_What you need to do:_ Find all lines below containing the string "where" and return them.

[Data excerpts]
▬▬▬

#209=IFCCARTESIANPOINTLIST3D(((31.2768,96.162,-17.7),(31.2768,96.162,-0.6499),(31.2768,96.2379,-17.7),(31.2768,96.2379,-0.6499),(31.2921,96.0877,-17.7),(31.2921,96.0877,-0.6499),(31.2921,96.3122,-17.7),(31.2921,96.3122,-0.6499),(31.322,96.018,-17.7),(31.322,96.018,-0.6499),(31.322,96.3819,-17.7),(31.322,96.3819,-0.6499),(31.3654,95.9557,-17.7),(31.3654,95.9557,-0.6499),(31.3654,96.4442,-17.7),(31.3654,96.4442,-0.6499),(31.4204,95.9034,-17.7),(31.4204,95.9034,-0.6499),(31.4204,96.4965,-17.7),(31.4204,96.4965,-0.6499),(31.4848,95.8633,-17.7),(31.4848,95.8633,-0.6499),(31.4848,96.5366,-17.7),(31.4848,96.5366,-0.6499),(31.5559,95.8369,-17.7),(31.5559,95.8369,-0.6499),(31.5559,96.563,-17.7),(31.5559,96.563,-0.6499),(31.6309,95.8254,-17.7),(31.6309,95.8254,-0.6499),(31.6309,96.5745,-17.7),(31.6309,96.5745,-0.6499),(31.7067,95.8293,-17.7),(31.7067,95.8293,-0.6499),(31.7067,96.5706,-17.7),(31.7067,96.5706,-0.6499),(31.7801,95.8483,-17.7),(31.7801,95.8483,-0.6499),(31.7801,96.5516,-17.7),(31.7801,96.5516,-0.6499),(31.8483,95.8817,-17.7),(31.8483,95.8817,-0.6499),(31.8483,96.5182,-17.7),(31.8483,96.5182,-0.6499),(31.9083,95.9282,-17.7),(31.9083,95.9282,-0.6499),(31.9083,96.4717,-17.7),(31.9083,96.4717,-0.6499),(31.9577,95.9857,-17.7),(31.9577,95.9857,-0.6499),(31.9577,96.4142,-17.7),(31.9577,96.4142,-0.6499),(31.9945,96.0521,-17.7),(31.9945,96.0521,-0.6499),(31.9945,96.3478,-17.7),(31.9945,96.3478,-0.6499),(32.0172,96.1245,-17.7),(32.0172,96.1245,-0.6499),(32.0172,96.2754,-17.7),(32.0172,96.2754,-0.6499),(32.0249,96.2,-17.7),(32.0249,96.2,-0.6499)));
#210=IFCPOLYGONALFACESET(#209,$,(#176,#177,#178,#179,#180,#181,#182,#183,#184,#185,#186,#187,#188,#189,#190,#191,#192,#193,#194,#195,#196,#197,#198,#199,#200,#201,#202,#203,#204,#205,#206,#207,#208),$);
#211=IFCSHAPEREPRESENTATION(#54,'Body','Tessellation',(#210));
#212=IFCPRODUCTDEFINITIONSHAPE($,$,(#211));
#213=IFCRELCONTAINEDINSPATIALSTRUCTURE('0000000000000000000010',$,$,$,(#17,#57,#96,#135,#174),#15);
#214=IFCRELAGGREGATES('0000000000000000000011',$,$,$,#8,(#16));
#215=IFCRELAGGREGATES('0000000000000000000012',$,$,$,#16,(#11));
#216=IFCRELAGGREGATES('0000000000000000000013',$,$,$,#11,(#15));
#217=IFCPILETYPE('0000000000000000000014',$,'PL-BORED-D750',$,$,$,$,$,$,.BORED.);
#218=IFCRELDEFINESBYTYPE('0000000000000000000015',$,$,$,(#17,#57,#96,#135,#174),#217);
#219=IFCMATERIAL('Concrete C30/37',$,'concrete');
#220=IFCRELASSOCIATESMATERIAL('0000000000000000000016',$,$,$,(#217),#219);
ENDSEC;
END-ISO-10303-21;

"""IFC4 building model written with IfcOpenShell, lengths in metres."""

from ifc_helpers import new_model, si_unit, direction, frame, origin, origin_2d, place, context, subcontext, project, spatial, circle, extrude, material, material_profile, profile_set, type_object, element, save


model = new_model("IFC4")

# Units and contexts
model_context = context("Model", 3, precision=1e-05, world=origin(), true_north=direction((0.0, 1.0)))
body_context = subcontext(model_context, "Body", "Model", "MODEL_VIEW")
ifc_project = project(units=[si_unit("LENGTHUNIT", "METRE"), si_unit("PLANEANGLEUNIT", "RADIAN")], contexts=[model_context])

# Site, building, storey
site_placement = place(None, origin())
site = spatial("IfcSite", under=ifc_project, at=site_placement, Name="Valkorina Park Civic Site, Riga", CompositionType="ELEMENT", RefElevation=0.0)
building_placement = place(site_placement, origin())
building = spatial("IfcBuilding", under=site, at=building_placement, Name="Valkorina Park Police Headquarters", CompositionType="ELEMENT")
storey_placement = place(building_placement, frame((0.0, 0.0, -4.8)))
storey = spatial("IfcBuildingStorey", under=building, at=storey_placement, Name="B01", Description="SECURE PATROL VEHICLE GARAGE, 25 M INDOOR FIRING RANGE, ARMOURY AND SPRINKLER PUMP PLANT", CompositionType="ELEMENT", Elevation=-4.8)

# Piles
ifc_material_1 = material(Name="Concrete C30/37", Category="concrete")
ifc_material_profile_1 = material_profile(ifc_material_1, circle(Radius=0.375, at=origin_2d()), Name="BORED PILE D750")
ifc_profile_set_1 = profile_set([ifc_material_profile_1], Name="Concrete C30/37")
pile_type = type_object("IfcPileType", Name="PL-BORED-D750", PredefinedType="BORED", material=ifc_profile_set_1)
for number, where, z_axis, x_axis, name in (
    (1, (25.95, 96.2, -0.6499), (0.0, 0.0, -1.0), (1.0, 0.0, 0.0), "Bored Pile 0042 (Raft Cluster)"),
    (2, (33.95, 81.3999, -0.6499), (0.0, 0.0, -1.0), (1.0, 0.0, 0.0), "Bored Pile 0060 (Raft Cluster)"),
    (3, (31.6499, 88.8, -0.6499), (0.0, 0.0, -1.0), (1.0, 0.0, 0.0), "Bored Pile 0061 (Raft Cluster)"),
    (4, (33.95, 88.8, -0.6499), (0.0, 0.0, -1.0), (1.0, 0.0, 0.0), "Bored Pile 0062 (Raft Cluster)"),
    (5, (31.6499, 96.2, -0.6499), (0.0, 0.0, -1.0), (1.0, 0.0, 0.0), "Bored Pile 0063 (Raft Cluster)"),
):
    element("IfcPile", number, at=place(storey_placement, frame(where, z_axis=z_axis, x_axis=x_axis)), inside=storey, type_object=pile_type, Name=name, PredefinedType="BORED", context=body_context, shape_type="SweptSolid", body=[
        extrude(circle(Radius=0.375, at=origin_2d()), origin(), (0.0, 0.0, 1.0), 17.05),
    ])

▬▬▬

_Completed task:_
for number, where, z_axis, x_axis, name in (
    element("IfcPile", number, at=place(storey_placement, frame(where, z_axis=z_axis, x_axis=x_axis)), inside=storey, type_object=pile_type, Name=name, PredefinedType="BORED", context=body_context, shape_type="SweptSolid", body=[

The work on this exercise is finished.